Collected data:
◆ ◆ ◆ ◆ ◆
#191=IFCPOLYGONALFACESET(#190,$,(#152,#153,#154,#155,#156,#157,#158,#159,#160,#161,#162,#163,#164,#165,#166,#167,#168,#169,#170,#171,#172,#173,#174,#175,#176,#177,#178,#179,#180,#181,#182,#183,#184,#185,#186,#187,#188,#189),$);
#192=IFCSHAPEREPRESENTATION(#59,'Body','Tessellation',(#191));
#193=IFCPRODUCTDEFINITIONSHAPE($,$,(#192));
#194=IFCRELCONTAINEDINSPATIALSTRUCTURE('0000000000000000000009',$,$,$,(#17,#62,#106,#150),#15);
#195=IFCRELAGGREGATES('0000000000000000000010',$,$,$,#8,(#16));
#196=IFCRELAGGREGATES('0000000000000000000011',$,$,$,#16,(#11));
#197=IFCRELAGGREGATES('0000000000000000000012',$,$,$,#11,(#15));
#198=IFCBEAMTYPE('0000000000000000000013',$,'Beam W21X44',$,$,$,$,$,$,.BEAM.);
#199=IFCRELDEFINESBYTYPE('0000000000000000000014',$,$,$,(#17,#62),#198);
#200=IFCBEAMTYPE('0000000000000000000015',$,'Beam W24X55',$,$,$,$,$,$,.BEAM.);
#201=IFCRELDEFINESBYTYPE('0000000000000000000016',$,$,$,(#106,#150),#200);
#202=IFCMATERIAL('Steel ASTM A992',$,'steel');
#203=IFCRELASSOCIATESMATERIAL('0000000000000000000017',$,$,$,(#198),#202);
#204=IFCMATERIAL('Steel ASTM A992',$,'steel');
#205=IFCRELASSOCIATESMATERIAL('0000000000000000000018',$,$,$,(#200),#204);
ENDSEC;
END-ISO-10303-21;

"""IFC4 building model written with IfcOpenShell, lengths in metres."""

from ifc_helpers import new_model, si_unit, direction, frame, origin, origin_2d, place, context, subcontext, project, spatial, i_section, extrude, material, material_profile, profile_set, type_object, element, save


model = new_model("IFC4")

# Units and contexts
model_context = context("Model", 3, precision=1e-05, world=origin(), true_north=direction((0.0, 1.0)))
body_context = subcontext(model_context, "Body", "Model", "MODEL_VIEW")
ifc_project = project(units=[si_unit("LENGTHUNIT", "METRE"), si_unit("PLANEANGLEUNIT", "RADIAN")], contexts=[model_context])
◆ ◆ ◆ ◆ ◆
◆ WHAT THIS TASK INVOLVES ◆
Once more, write out all of the entries above exactly.

◆ WORKED SOLUTION ◆
#191=IFCPOLYGONALFACESET(#190,$,(#152,#153,#154,#155,#156,#157,#158,#159,#160,#161,#162,#163,#164,#165,#166,#167,#168,#169,#170,#171,#172,#173,#174,#175,#176,#177,#178,#179,#180,#181,#182,#183,#184,#185,#186,#187,#188,#189),$);
#192=IFCSHAPEREPRESENTATION(#59,'Body','Tessellation',(#191));
#193=IFCPRODUCTDEFINITIONSHAPE($,$,(#192));
#194=IFCRELCONTAINEDINSPATIALSTRUCTURE('0000000000000000000009',$,$,$,(#17,#62,#106,#150),#15);
#195=IFCRELAGGREGATES('0000000000000000000010',$,$,$,#8,(#16));
#196=IFCRELAGGREGATES('0000000000000000000011',$,$,$,#16,(#11));
#197=IFCRELAGGREGATES('0000000000000000000012',$,$,$,#11,(#15));
#198=IFCBEAMTYPE('0000000000000000000013',$,'Beam W21X44',$,$,$,$,$,$,.BEAM.);
#199=IFCRELDEFINESBYTYPE('0000000000000000000014',$,$,$,(#17,#62),#198);
#200=IFCBEAMTYPE('0000000000000000000015',$,'Beam W24X55',$,$,$,$,$,$,.BEAM.);
#201=IFCRELDEFINESBYTYPE('0000000000000000000016',$,$,$,(#106,#150),#200);
#202=IFCMATERIAL('Steel ASTM A992',$,'steel');
#203=IFCRELASSOCIATESMATERIAL('0000000000000000000017',$,$,$,(#198),#202);
#204=IFCMATERIAL('Steel ASTM A992',$,'steel');
#205=IFCRELASSOCIATESMATERIAL('0000000000000000000018',$,$,$,(#200),#204);
ENDSEC;
END-ISO-10303-21;

"""IFC4 building model written with IfcOpenShell, lengths in metres."""

from ifc_helpers import new_model, si_unit, direction, frame, origin, origin_2d, place, context, subcontext, project, spatial, i_section, extrude, material, material_profile, profile_set, type_object, element, save


model = new_model("IFC4")

# Units and contexts
model_context = context("Model", 3, precision=1e-05, world=origin(), true_north=direction((0.0, 1.0)))
body_context = subcontext(model_context, "Body", "Model", "MODEL_VIEW")
ifc_project = project(units=[si_unit("LENGTHUNIT", "METRE"), si_unit("PLANEANGLEUNIT", "RADIAN")], contexts=[model_context])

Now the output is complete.